Supplied entries ->

————————

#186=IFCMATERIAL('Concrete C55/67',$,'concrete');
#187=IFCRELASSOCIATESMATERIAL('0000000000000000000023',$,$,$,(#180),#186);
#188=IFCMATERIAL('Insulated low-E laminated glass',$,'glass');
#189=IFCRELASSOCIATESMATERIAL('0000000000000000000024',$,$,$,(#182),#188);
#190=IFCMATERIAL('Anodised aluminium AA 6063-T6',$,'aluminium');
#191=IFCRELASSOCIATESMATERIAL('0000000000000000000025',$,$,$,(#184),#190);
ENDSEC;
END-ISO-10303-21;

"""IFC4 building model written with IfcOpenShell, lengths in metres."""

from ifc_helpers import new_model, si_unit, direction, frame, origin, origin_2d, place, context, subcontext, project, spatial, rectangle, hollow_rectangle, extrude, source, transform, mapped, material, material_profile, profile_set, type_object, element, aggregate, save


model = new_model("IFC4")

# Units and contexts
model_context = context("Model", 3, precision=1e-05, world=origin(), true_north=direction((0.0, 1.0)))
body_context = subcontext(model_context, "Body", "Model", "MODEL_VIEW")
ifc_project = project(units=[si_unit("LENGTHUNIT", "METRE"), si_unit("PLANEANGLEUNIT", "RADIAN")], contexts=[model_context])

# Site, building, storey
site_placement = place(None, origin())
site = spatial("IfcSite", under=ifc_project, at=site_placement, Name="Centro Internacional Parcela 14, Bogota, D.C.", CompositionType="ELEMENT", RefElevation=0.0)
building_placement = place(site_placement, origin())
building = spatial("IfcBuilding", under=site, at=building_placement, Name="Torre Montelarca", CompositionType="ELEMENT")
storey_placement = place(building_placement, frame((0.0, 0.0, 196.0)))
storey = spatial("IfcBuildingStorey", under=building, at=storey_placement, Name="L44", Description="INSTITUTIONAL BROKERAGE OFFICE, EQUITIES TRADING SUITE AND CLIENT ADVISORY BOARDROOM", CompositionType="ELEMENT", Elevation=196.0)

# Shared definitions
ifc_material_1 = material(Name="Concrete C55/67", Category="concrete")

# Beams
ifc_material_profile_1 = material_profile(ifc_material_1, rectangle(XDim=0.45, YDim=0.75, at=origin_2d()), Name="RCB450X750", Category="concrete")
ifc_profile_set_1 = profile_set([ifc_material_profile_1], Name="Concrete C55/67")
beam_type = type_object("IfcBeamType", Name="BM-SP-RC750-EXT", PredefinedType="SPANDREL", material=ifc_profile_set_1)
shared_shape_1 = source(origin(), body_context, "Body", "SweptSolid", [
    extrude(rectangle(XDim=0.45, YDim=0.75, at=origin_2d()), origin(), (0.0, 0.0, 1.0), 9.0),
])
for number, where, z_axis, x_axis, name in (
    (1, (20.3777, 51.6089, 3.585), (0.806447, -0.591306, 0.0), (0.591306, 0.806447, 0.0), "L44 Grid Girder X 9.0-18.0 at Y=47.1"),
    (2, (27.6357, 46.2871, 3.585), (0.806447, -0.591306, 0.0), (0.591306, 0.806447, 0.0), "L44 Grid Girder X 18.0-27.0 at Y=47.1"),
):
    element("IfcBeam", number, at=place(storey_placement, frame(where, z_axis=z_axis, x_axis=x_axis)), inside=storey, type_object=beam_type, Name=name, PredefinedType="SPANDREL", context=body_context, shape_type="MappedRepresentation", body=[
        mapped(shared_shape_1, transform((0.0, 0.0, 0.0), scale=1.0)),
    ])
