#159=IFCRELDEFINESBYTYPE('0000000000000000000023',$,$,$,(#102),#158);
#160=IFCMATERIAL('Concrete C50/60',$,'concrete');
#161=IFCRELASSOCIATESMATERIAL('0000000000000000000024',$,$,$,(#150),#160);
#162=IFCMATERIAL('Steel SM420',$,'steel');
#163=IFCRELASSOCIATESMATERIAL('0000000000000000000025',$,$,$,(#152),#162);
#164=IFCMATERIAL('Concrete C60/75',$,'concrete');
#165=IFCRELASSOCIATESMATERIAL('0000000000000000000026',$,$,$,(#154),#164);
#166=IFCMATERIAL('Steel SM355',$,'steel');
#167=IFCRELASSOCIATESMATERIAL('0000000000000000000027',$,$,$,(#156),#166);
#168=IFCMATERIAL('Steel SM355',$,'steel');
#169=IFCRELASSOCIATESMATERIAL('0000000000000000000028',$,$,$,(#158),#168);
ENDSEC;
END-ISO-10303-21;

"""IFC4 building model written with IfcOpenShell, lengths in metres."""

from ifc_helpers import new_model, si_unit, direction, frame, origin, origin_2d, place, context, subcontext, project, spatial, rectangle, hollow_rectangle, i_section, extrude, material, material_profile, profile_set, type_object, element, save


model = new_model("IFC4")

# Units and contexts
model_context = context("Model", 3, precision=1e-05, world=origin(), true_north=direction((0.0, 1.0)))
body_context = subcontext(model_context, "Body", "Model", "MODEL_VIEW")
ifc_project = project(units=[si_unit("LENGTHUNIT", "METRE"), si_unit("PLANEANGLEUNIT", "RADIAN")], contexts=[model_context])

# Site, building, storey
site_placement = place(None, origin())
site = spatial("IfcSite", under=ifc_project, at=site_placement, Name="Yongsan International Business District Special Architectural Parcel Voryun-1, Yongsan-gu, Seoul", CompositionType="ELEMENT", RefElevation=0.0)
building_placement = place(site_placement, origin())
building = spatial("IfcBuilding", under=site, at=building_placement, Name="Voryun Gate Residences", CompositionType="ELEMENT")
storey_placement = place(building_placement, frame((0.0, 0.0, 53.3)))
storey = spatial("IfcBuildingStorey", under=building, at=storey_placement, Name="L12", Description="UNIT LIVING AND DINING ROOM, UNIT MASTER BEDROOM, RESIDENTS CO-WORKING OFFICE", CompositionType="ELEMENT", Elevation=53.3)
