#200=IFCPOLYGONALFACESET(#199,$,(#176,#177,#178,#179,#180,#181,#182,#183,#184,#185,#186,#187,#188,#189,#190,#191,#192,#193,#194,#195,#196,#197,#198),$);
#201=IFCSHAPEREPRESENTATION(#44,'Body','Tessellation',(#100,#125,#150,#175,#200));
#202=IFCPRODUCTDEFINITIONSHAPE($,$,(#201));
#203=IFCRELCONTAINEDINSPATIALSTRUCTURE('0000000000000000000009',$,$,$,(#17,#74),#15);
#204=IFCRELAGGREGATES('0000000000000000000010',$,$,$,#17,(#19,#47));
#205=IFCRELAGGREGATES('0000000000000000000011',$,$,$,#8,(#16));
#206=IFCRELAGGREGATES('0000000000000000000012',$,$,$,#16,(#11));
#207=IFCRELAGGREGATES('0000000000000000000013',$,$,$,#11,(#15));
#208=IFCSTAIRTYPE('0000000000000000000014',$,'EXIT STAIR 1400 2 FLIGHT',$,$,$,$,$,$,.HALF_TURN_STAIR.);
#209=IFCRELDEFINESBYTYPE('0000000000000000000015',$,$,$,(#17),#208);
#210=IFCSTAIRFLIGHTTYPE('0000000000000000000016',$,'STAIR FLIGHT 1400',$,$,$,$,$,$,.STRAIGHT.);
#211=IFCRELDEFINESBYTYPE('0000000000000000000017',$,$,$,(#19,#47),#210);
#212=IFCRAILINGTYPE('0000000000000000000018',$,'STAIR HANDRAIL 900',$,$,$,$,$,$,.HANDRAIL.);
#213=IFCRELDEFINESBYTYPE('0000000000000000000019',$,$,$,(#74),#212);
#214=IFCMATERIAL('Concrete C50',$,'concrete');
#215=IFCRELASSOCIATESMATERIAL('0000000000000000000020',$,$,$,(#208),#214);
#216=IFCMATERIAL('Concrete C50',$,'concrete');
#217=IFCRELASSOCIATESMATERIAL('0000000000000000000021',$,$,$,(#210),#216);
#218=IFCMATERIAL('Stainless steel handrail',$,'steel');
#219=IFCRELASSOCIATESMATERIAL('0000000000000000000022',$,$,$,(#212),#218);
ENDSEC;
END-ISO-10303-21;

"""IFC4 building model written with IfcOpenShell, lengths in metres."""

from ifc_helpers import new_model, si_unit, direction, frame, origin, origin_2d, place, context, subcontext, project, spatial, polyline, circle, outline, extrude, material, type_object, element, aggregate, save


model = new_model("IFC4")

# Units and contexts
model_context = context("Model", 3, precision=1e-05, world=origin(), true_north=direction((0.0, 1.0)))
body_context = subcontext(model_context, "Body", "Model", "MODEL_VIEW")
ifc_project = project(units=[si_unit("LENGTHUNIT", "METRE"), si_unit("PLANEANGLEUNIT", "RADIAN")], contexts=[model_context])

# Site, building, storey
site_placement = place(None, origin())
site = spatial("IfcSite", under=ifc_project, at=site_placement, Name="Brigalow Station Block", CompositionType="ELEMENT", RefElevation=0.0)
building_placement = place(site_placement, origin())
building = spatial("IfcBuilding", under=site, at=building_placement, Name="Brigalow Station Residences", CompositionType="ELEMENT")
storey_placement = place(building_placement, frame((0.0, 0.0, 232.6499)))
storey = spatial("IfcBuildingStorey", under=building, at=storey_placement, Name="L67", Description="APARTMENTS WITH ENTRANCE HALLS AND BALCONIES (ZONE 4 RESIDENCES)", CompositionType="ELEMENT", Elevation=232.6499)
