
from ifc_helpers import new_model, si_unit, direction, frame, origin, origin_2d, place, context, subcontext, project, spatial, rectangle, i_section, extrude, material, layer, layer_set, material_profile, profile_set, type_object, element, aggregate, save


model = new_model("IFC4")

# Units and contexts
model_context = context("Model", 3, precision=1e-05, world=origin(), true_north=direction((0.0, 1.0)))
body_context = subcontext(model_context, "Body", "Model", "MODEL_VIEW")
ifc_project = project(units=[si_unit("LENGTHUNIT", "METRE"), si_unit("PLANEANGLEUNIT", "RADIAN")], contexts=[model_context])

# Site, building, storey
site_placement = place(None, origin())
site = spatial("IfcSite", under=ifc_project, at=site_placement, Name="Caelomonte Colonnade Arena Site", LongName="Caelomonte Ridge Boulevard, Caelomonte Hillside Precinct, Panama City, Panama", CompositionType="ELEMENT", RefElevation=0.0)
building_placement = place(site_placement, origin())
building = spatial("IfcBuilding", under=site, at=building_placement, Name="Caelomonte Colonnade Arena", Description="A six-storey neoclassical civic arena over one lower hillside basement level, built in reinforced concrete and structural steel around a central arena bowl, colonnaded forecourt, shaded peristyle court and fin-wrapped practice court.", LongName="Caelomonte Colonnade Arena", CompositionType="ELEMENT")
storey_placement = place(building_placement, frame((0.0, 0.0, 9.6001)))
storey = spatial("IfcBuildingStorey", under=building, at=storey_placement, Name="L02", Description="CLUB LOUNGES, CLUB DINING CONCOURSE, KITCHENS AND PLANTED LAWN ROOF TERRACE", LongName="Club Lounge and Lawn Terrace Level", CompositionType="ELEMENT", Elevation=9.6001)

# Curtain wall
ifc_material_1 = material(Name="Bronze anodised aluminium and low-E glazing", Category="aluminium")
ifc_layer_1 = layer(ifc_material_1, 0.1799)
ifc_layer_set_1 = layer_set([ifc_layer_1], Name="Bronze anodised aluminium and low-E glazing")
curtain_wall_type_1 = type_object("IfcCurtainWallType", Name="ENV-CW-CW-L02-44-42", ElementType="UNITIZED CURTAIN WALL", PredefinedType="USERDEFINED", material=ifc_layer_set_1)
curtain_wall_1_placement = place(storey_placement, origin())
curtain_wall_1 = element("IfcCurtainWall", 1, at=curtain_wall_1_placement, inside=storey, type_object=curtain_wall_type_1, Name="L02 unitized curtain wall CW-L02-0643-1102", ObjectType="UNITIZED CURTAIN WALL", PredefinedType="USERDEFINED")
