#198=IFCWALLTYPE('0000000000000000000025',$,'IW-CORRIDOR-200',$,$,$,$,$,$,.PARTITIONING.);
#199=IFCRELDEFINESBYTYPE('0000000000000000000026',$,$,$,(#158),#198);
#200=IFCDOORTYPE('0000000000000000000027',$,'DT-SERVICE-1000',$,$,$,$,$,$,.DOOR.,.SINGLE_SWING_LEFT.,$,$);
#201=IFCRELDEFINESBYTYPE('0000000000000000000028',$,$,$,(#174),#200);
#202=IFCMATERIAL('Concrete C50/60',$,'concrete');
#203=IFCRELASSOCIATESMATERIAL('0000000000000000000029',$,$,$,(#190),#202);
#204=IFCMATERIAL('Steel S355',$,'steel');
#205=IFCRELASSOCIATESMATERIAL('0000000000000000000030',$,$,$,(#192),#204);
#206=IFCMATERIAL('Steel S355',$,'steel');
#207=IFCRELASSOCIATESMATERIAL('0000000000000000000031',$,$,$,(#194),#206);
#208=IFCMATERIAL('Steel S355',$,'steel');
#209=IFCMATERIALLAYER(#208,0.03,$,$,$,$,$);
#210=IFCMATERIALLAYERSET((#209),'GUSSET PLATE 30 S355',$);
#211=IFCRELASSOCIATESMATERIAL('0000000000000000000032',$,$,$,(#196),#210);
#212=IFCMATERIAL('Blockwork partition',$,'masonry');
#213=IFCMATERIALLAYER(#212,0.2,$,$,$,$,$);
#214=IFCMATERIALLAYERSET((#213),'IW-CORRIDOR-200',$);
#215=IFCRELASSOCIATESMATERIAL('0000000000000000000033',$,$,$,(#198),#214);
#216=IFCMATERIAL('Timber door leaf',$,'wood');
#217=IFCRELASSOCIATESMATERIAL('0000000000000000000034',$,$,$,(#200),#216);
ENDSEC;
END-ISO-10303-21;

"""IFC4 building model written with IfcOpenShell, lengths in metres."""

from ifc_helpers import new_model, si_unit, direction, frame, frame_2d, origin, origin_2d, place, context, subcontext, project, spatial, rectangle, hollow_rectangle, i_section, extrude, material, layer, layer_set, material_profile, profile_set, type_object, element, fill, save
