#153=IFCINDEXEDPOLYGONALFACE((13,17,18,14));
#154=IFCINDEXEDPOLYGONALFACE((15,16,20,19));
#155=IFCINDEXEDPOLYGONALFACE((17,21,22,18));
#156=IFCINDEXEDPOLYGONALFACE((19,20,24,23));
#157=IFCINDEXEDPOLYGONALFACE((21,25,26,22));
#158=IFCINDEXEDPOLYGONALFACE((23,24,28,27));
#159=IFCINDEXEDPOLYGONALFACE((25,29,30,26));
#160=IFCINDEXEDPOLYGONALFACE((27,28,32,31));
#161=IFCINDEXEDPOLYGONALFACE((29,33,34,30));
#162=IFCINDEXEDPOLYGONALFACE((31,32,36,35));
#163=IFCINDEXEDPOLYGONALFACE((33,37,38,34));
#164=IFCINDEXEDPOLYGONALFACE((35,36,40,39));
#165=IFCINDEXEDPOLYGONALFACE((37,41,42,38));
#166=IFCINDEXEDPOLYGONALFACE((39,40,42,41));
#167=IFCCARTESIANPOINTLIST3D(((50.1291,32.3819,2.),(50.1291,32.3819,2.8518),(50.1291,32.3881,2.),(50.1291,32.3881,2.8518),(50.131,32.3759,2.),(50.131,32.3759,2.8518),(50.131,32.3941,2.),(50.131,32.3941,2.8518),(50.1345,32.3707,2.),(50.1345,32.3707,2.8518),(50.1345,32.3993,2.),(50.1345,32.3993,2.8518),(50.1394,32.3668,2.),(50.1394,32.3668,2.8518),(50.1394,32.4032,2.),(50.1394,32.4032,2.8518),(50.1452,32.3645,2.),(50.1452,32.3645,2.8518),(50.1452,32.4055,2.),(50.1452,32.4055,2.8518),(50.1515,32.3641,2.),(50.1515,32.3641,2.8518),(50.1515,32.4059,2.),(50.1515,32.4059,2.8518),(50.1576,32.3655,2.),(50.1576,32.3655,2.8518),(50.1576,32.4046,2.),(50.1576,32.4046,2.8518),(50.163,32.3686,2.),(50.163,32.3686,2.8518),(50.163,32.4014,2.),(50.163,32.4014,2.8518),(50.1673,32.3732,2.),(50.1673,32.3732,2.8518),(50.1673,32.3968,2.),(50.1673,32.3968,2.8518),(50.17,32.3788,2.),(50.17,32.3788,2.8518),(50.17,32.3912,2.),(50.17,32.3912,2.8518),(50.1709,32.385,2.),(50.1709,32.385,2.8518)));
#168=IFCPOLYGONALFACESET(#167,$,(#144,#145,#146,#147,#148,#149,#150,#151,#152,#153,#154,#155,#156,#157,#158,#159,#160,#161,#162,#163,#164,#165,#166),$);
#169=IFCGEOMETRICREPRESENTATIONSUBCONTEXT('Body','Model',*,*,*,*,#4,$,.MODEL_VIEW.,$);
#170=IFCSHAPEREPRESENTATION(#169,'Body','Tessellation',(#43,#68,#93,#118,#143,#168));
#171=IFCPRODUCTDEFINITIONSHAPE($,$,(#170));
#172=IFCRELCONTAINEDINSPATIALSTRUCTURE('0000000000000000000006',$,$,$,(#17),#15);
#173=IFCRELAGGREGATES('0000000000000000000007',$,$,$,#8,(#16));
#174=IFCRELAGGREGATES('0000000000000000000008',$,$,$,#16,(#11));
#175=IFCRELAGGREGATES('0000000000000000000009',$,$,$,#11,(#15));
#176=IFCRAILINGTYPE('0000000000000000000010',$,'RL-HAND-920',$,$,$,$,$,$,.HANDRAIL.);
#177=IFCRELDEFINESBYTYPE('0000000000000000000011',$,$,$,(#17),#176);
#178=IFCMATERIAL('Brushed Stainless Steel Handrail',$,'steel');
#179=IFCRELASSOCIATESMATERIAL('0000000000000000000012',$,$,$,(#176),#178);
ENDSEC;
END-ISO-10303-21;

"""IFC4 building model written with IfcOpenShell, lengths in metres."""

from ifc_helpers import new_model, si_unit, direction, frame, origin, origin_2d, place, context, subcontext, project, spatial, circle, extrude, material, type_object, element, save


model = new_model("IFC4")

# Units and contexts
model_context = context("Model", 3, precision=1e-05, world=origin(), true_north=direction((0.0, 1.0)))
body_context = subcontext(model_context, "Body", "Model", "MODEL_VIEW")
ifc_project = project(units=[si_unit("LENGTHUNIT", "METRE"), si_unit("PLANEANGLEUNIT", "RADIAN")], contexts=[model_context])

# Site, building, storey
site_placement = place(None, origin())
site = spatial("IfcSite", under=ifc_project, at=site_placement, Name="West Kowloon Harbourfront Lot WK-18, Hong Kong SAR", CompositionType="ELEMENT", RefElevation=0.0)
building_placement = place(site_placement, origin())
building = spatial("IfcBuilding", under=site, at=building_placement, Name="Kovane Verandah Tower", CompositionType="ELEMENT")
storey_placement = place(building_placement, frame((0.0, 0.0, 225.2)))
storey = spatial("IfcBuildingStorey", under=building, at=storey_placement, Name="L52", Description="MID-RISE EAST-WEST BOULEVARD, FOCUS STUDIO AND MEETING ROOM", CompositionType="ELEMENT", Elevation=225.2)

————————

Exercise objective ->
Which of the lines above include the word "Voryun"? Copy each of them.

Solution for this exercise ->
site = spatial("IfcSite", under=ifc_project, at=site_placement, Name="Yongsan International Business District Special Architectural Parcel Voryun-1, Yongsan-gu, Seoul", CompositionType="ELEMENT", RefElevation=0.0)
building = spatial("IfcBuilding", under=site, at=building_placement, Name="Voryun Gate Residences", CompositionType="ELEMENT")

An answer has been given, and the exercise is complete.